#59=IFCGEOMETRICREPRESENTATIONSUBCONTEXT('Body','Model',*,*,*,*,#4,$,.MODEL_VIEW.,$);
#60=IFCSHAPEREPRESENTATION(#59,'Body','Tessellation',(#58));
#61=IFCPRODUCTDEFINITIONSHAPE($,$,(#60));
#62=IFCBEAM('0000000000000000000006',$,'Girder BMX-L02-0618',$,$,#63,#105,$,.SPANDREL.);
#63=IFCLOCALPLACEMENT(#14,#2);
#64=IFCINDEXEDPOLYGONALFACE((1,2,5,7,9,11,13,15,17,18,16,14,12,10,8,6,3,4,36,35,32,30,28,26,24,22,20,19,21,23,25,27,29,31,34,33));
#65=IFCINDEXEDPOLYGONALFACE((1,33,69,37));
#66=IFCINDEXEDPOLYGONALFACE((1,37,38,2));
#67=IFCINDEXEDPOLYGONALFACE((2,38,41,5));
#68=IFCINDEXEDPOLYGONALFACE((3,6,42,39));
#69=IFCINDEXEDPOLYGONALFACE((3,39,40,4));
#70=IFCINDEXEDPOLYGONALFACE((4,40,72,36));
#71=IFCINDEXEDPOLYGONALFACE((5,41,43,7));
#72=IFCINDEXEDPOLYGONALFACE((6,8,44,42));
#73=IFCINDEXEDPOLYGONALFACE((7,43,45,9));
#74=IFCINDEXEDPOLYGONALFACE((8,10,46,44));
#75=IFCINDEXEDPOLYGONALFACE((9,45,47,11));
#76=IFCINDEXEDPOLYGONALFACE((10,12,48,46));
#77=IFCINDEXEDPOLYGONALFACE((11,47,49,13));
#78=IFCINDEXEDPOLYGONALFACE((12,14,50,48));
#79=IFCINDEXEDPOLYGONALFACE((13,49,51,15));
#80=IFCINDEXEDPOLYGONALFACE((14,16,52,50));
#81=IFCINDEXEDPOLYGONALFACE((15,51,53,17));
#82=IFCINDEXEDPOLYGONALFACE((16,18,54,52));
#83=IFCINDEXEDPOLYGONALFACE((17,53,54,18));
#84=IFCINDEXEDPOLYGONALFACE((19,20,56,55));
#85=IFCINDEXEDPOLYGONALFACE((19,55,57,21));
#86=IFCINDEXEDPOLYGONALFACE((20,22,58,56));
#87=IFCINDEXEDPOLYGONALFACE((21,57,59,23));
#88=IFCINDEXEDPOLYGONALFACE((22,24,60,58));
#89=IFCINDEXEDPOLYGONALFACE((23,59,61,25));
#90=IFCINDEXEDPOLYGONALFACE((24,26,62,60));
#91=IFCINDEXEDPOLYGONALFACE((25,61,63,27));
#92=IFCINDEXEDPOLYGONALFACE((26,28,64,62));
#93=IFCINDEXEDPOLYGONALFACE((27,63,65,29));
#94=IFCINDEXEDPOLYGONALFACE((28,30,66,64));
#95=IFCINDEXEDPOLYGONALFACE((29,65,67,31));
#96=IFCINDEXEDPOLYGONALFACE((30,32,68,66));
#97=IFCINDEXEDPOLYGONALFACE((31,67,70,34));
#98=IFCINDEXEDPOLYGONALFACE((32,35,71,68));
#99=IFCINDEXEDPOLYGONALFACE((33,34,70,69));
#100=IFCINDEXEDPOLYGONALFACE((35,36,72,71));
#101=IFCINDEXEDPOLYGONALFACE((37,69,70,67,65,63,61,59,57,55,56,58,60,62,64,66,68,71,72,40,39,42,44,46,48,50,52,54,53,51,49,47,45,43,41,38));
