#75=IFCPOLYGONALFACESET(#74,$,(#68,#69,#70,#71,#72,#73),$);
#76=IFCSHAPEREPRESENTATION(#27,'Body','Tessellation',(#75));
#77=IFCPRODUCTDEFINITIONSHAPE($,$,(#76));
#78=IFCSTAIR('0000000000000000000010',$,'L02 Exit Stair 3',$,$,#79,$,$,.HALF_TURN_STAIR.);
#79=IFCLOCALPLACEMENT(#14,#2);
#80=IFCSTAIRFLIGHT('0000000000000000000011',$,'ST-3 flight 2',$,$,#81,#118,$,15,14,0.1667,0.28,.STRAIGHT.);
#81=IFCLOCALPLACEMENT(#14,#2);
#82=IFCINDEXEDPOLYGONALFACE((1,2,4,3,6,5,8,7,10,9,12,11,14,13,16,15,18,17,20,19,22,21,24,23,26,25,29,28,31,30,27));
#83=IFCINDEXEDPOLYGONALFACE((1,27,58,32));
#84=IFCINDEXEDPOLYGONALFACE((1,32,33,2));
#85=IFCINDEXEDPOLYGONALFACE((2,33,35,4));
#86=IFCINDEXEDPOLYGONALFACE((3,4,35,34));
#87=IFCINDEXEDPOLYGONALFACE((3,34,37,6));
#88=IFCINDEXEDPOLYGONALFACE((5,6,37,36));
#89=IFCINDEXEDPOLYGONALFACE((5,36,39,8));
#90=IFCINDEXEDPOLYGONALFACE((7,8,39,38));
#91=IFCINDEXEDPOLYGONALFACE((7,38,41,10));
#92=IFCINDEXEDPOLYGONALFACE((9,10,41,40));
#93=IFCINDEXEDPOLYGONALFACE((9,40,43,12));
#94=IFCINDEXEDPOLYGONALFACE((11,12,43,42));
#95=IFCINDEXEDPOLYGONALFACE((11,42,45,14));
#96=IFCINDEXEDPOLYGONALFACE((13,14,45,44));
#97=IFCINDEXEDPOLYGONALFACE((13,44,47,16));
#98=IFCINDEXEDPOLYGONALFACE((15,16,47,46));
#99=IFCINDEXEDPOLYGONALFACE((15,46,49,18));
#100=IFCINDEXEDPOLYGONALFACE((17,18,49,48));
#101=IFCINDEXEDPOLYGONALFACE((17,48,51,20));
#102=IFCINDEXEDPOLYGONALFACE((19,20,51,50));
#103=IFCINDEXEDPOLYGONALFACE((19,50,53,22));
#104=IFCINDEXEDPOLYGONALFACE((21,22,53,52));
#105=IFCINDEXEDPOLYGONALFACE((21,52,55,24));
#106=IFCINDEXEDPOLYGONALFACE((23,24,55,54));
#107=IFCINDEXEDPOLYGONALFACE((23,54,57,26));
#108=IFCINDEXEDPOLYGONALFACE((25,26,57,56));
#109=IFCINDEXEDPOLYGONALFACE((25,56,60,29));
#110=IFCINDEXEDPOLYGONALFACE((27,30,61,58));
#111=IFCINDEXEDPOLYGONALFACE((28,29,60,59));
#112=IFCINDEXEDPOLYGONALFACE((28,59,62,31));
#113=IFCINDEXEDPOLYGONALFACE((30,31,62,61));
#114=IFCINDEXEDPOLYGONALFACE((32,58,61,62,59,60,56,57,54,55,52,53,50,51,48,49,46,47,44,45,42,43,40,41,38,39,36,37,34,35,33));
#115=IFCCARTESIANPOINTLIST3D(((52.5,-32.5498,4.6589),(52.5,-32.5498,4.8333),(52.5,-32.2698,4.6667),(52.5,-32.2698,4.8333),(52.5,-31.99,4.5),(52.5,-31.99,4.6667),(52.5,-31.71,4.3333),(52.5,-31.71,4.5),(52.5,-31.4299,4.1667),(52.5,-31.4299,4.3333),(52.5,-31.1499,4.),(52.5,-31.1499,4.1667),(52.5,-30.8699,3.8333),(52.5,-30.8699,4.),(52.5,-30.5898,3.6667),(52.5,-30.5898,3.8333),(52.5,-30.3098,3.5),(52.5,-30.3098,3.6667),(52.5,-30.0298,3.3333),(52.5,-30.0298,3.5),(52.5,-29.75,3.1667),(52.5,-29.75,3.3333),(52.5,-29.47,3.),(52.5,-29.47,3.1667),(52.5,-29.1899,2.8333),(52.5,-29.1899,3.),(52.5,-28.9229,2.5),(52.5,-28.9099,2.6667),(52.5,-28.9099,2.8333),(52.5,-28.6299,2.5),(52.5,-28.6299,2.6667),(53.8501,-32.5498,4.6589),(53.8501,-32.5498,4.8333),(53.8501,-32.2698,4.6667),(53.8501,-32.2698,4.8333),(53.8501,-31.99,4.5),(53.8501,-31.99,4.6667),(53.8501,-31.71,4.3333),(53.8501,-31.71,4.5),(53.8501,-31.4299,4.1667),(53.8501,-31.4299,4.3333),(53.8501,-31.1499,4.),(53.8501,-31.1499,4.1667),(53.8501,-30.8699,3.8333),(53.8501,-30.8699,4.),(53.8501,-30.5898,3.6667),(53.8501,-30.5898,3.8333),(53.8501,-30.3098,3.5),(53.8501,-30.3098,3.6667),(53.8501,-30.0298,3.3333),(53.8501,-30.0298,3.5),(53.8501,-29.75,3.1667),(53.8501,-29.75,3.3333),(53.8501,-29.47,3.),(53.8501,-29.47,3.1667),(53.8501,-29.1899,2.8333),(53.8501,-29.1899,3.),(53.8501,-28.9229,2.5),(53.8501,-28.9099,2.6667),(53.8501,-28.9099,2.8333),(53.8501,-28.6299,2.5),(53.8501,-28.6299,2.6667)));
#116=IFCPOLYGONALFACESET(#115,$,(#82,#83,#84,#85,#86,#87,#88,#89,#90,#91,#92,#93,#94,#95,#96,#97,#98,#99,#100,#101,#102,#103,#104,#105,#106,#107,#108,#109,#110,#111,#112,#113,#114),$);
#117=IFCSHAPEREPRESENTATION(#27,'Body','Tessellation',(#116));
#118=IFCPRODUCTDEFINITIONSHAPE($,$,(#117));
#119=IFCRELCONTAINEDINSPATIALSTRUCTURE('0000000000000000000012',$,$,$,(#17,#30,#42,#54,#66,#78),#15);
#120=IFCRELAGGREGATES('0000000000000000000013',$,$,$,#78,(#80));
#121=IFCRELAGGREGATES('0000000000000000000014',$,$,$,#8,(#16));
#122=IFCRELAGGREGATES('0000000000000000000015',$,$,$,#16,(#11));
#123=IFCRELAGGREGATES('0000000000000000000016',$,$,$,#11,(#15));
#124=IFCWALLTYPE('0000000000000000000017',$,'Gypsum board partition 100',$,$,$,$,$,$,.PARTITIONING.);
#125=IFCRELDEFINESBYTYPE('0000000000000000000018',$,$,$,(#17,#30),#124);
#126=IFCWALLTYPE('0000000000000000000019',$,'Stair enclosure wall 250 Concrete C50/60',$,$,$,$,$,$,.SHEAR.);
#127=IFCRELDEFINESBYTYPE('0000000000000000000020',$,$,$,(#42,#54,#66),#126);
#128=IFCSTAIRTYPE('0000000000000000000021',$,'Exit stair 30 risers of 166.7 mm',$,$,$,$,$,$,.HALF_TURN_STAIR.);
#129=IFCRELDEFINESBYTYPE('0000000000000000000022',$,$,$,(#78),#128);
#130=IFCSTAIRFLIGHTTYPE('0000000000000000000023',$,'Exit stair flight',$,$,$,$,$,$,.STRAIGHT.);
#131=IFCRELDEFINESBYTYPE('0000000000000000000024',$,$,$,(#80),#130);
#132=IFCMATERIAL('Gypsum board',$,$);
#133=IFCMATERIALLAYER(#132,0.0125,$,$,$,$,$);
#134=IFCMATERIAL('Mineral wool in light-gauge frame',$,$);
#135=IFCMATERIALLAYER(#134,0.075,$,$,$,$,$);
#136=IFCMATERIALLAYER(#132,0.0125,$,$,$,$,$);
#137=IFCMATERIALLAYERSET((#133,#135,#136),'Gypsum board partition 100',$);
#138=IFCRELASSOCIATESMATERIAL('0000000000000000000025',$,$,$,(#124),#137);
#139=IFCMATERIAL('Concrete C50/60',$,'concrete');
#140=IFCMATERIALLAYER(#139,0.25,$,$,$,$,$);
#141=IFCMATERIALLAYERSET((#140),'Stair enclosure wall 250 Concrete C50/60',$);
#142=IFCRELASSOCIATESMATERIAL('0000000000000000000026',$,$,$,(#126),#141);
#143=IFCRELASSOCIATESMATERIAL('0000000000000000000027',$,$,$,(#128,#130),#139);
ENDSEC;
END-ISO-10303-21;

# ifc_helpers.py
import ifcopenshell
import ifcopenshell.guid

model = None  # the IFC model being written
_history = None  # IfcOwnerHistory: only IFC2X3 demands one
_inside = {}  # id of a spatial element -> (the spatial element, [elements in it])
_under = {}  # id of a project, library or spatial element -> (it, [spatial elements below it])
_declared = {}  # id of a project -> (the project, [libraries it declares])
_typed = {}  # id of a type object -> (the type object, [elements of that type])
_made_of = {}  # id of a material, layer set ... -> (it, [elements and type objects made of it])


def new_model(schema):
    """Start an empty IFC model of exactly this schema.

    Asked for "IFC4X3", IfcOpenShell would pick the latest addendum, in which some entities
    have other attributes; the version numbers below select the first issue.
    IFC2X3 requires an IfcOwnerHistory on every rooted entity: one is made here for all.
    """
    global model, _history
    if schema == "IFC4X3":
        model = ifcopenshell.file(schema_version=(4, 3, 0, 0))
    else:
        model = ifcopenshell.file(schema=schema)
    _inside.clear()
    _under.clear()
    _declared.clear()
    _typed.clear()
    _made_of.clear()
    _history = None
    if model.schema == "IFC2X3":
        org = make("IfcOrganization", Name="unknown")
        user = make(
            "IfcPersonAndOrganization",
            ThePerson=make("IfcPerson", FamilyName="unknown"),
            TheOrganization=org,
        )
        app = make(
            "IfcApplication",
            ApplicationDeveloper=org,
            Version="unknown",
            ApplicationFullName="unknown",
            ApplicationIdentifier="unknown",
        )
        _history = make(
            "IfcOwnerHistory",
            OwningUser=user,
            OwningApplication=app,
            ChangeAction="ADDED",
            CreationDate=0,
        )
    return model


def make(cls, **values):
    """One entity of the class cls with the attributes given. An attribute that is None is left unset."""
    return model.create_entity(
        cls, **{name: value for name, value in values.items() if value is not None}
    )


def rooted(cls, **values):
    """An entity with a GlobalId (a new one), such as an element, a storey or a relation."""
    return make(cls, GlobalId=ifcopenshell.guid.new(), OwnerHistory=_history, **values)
**********
Assignment - Show the lines where the word "partition" appears in the entries.

Response area -
#124=IFCWALLTYPE('0000000000000000000017',$,'Gypsum board partition 100',$,$,$,$,$,$,.PARTITIONING.);
#137=IFCMATERIALLAYERSET((#133,#135,#136),'Gypsum board partition 100',$);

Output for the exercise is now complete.